Of all the lines in the entries below, give again exactly those starting at the line containing "#105=IFCINDEXEDPOLYGONALFACE((17,21,22,18));" and ending at the line containing "#110=IFCINDEXEDPOLYGONALFACE((27,28,32,31));", both ends included, and no others.

Data shown Block Start

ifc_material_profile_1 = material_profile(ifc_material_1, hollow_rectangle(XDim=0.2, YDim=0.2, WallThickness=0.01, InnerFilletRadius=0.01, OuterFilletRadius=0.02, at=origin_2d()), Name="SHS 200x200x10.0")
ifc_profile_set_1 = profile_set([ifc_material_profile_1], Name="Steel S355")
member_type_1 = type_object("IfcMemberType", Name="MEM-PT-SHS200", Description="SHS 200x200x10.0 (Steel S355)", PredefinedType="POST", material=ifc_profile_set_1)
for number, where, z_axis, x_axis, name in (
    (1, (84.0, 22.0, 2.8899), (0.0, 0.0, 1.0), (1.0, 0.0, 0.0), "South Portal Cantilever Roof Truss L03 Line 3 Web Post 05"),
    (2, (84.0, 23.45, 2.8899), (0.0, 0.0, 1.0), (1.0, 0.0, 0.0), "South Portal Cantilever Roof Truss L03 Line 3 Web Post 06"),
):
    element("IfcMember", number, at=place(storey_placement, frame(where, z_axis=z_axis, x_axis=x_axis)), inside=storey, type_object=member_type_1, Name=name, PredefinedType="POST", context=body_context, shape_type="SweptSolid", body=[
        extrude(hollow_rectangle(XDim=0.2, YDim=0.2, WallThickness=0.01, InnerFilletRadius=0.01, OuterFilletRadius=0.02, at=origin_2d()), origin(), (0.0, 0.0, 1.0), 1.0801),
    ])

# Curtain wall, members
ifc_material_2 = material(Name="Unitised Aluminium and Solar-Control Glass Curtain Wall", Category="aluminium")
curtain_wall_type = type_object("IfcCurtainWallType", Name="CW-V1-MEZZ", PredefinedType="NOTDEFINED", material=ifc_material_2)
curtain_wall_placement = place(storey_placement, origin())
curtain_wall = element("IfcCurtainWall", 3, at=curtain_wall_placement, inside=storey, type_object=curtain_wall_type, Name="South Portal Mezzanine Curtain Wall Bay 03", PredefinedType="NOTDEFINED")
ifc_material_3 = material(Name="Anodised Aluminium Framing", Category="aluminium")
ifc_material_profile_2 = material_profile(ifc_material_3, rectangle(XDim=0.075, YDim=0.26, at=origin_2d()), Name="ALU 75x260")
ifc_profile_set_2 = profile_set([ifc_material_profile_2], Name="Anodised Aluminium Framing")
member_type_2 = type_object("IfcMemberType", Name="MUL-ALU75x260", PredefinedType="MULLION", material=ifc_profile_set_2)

Data shown Block End
Data shown Block Start

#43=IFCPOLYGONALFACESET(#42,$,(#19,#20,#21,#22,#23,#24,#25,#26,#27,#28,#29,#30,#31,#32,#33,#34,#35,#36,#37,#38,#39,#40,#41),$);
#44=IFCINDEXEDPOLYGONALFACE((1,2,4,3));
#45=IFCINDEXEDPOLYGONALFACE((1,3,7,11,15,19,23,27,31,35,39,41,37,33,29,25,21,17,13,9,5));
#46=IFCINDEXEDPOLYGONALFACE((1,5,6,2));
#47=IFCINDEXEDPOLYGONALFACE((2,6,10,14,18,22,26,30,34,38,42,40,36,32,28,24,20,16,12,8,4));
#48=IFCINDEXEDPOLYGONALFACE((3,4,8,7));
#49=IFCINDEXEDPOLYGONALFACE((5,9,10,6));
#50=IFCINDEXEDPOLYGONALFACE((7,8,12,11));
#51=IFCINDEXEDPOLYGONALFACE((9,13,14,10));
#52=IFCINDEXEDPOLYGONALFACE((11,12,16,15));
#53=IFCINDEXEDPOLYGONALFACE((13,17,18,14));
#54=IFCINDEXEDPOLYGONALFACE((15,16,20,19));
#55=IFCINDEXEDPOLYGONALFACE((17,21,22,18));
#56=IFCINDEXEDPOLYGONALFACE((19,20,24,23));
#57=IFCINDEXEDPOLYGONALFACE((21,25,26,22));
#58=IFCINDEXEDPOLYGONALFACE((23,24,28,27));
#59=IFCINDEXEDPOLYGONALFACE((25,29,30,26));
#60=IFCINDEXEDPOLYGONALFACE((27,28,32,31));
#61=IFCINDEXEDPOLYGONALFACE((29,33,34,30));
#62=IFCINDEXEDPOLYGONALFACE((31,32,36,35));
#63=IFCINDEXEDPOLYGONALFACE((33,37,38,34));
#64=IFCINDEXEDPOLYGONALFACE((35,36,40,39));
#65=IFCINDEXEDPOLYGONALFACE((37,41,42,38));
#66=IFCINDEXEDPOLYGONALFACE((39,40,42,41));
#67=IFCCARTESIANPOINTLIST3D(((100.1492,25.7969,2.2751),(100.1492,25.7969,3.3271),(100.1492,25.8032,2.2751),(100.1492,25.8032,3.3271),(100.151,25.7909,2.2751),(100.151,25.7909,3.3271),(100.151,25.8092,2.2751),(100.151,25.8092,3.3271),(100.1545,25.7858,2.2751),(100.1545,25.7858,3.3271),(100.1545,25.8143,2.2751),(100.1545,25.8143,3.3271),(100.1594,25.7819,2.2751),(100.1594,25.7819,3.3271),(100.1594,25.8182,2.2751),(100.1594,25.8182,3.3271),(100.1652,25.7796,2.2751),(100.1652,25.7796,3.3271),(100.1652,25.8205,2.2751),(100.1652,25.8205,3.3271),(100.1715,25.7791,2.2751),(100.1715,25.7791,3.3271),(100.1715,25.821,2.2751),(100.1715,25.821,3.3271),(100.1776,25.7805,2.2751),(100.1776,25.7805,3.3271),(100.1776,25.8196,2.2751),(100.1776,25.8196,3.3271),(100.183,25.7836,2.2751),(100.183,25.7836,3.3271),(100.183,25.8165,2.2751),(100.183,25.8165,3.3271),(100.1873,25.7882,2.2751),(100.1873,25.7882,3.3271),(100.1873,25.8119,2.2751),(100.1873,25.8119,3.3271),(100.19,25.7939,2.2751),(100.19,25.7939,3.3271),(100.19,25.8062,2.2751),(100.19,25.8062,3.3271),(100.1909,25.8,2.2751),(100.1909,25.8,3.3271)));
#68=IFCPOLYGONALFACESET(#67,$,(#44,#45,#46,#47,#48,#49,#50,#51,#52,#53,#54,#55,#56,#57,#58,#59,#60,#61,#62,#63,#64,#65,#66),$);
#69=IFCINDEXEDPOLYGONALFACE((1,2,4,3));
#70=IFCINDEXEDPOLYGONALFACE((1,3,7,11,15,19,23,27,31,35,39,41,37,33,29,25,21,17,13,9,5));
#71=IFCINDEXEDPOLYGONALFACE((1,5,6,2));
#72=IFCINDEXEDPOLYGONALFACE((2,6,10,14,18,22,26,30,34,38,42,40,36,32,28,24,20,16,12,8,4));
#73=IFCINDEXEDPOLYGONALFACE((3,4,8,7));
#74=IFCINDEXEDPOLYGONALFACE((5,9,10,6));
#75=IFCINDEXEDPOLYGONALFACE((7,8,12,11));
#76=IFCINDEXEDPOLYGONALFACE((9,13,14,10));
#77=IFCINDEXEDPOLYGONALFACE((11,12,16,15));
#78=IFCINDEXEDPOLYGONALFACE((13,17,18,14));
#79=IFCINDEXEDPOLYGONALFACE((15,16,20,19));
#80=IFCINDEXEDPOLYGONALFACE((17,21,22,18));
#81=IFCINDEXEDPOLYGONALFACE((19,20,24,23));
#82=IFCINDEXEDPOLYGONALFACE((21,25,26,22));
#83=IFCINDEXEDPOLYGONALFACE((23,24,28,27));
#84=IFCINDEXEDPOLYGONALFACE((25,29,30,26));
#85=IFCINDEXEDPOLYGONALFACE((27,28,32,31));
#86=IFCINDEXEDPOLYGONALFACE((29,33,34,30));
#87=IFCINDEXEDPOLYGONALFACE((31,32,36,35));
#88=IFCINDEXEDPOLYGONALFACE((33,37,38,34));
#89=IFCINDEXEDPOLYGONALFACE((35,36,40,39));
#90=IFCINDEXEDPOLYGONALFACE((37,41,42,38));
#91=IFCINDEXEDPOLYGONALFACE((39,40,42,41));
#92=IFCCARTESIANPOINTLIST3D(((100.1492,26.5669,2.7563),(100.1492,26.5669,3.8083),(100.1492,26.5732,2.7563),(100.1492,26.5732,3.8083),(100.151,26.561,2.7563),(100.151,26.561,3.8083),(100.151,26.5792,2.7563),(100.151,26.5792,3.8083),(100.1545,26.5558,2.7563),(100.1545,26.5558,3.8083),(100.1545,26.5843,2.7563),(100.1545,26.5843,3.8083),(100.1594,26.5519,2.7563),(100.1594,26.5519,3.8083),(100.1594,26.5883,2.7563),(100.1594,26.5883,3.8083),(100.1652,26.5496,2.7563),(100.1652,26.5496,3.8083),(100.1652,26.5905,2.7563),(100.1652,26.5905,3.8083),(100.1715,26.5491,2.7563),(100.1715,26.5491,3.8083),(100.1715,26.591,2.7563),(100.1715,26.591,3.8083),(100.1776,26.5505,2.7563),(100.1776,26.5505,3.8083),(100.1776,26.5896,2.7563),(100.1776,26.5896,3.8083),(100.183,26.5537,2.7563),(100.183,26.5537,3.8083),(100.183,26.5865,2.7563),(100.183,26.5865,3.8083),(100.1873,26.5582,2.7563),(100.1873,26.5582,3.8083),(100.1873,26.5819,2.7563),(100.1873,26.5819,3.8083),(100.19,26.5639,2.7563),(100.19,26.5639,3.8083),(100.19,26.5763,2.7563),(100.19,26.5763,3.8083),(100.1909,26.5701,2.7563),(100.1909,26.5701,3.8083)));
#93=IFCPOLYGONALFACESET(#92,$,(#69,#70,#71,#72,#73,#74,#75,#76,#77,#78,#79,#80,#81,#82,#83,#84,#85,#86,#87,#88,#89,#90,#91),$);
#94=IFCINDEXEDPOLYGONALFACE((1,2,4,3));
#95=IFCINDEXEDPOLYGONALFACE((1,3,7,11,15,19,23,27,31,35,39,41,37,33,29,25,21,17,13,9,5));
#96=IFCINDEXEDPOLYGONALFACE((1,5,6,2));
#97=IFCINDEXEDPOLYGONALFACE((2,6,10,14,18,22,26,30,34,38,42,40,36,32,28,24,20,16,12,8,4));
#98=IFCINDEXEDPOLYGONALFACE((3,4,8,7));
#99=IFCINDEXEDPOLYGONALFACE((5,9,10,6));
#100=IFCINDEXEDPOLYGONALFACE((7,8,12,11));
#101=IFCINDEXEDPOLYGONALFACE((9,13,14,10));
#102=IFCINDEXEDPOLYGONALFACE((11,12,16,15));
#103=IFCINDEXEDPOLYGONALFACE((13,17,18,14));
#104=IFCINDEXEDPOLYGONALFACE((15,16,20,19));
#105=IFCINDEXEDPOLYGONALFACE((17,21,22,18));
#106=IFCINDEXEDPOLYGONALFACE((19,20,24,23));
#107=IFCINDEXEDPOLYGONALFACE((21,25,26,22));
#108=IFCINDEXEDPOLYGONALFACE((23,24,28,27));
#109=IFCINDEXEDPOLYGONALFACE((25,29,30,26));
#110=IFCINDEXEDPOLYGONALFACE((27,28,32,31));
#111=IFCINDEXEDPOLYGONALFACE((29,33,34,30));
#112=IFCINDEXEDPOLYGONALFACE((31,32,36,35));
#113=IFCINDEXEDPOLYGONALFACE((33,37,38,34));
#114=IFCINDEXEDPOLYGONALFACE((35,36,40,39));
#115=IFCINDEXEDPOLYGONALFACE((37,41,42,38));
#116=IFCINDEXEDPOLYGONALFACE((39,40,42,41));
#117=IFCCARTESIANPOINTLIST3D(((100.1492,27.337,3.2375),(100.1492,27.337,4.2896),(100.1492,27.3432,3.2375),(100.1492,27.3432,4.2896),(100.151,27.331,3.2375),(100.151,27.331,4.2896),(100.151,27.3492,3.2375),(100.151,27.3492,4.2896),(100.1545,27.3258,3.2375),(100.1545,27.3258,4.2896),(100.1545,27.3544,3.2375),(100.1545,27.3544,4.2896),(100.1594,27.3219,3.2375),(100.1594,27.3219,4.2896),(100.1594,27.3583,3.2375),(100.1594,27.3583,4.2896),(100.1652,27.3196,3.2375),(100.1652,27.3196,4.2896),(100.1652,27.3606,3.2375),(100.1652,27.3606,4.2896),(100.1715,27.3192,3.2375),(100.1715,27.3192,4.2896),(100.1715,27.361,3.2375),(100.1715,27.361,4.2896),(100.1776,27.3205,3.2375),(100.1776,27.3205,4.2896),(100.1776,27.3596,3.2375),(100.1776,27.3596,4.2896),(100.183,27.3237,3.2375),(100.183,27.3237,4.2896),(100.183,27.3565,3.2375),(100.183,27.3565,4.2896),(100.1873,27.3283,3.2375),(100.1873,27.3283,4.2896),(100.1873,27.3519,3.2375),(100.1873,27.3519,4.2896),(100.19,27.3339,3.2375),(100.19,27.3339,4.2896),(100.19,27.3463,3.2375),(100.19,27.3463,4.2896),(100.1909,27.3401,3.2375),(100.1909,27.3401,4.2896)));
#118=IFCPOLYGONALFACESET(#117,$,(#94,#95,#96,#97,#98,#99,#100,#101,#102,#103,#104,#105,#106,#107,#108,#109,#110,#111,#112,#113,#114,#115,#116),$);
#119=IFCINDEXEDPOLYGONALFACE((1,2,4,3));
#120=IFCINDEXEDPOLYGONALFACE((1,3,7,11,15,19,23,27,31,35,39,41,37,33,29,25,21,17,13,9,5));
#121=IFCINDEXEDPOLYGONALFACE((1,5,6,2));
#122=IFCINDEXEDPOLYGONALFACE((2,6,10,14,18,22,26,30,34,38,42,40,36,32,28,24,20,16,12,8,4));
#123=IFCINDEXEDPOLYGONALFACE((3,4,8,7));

Data shown Block End

Result of the task:
#105=IFCINDEXEDPOLYGONALFACE((17,21,22,18));
#106=IFCINDEXEDPOLYGONALFACE((19,20,24,23));
#107=IFCINDEXEDPOLYGONALFACE((21,25,26,22));
#108=IFCINDEXEDPOLYGONALFACE((23,24,28,27));
#109=IFCINDEXEDPOLYGONALFACE((25,29,30,26));
#110=IFCINDEXEDPOLYGONALFACE((27,28,32,31));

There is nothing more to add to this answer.